• _Work instruction_:
Whichever lines of the entries hold the word "JOIST" should be identified and copied.

##### Extracted information #####

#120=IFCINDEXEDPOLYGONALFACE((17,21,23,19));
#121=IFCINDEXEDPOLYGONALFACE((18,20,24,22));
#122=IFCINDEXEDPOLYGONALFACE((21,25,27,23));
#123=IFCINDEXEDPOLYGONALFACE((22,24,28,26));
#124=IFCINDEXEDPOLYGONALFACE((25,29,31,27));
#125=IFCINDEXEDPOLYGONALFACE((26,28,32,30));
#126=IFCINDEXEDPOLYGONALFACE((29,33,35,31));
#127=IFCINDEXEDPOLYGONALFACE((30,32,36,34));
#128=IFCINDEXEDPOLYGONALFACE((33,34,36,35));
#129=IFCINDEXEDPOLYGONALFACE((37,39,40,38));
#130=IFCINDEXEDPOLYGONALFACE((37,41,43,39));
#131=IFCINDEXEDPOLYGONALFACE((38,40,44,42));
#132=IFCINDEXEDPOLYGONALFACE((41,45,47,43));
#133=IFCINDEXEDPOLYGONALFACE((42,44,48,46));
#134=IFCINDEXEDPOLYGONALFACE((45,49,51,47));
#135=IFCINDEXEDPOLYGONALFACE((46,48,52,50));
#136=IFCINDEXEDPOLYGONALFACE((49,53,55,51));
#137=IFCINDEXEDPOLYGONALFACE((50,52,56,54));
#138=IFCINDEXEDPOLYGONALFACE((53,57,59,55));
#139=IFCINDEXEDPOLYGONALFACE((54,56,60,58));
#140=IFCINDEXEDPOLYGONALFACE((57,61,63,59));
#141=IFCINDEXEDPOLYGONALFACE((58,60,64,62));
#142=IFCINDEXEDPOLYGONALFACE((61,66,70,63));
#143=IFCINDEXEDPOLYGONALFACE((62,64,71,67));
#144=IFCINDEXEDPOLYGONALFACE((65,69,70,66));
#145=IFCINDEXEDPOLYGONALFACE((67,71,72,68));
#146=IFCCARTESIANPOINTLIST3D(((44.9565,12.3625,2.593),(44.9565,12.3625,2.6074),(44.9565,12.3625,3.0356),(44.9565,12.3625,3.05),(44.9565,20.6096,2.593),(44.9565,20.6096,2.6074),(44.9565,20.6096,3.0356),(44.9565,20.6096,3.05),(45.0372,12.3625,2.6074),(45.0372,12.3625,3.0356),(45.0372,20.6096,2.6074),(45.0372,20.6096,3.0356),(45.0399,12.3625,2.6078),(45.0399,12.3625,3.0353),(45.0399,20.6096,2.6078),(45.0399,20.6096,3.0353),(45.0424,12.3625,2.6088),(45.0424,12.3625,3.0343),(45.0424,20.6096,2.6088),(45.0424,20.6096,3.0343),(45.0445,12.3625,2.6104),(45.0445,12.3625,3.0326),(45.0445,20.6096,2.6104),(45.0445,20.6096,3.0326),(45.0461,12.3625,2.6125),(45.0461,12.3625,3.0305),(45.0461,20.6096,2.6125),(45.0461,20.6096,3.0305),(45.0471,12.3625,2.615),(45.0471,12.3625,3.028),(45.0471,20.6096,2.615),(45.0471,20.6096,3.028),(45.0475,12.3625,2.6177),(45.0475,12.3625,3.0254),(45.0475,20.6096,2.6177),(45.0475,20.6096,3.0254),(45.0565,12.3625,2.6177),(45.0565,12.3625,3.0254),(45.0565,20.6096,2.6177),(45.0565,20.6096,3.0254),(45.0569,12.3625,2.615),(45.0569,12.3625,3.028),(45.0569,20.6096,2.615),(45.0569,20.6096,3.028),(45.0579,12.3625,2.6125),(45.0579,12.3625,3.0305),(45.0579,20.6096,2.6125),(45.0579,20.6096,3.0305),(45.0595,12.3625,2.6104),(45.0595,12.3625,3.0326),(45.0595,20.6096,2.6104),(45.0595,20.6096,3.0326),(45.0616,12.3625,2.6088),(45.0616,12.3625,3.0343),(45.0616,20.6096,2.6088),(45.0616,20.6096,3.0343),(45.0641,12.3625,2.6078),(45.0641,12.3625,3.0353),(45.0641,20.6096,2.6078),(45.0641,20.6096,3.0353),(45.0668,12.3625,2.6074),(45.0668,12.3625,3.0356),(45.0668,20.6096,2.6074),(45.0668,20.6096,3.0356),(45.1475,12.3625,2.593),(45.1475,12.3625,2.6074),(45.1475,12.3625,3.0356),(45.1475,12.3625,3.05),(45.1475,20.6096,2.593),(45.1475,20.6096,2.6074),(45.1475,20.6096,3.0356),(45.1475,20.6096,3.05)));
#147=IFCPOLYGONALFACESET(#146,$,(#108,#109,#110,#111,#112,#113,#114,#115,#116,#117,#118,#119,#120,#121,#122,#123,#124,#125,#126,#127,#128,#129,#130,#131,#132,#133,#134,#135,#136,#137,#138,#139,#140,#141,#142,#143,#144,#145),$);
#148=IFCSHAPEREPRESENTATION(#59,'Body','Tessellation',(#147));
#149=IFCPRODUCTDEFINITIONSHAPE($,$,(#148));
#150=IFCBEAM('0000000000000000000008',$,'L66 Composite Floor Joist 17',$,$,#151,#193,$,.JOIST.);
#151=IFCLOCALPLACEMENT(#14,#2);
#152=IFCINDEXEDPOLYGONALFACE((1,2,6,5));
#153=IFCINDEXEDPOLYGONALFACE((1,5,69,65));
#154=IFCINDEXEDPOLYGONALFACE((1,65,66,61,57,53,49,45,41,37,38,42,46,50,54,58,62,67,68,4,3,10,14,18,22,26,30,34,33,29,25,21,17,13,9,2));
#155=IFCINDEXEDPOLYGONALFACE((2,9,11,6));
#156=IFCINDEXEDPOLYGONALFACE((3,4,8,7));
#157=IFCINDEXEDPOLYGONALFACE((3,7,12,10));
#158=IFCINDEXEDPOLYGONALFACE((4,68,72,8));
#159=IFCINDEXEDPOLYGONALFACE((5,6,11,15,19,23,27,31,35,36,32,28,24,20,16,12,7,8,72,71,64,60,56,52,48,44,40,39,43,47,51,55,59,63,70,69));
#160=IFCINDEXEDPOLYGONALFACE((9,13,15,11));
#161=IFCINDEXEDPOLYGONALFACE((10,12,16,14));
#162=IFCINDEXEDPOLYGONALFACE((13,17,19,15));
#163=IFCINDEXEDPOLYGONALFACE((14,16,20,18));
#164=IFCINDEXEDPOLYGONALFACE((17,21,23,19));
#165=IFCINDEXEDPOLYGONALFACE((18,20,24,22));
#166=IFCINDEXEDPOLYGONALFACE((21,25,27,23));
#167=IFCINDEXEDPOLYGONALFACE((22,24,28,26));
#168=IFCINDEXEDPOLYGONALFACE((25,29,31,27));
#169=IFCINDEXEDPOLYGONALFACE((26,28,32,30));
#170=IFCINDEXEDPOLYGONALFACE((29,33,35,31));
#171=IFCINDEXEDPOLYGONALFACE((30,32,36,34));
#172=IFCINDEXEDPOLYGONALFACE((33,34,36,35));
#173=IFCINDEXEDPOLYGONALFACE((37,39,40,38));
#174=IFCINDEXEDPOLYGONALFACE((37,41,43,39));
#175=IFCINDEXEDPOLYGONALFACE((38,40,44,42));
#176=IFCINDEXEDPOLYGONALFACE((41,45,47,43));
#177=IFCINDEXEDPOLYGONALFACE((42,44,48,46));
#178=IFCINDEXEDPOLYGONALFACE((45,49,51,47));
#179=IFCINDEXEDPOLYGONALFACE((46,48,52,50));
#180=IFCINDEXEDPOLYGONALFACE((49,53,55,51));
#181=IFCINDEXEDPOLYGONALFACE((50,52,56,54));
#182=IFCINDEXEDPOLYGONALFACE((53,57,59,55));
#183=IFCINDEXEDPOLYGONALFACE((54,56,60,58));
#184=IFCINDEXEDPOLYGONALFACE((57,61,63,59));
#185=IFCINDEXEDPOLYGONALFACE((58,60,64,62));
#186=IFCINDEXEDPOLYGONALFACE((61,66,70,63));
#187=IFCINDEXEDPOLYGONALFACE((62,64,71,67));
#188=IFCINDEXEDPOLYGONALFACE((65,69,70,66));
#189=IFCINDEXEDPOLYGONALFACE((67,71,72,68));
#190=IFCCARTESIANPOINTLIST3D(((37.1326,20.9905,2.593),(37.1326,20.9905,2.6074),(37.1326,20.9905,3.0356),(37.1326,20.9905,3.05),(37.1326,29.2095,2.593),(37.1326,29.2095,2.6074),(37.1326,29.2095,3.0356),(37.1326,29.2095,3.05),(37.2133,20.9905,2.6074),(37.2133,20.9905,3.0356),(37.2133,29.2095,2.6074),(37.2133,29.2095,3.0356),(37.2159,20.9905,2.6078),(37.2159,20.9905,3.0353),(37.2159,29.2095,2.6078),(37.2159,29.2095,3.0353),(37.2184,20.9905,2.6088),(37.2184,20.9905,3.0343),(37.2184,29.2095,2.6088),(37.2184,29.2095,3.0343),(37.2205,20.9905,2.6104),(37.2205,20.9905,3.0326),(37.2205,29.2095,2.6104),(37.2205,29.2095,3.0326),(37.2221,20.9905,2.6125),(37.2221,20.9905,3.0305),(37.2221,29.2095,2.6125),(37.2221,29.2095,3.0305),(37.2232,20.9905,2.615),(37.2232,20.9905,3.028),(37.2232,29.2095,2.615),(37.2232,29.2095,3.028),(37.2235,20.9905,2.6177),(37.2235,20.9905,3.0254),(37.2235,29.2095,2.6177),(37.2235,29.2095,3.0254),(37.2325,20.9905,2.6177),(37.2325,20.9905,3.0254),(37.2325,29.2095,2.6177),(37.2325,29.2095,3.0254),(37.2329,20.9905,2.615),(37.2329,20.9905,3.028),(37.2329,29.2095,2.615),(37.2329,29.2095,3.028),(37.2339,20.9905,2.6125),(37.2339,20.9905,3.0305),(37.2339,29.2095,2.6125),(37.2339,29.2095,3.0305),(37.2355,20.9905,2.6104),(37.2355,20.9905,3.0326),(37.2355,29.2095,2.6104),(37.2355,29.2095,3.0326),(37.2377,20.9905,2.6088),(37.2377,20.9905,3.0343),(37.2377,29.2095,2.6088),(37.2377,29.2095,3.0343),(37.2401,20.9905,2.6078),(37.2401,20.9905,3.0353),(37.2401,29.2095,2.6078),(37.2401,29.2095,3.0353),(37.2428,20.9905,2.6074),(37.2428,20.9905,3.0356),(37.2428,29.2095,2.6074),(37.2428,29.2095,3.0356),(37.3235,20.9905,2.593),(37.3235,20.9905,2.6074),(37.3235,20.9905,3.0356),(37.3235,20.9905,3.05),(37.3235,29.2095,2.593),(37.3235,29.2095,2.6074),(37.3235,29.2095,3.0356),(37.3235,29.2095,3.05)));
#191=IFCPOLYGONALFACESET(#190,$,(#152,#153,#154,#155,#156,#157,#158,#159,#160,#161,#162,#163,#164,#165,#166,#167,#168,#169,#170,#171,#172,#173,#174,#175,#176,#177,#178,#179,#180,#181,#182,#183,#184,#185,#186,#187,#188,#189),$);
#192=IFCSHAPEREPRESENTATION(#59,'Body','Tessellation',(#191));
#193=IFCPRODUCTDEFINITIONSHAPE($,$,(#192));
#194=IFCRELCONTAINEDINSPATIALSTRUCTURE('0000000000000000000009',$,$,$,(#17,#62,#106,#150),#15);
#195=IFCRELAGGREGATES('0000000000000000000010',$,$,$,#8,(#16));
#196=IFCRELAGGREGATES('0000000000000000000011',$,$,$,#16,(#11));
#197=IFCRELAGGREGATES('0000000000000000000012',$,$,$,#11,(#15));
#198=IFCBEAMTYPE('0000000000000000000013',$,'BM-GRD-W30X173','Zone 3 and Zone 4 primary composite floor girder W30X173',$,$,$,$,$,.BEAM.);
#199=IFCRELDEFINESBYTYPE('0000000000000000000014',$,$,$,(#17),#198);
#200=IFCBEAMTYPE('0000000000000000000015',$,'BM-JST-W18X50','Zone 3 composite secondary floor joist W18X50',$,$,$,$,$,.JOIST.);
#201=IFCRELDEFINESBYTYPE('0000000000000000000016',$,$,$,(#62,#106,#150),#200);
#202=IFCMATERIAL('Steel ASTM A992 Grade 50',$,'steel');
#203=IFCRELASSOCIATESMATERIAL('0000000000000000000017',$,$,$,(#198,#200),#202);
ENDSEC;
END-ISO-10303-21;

#####

• _Answer area_:
#150=IFCBEAM('0000000000000000000008',$,'L66 Composite Floor Joist 17',$,$,#151,#193,$,.JOIST.);
#200=IFCBEAMTYPE('0000000000000000000015',$,'BM-JST-W18X50','Zone 3 composite secondary floor joist W18X50',$,$,$,$,$,.JOIST.);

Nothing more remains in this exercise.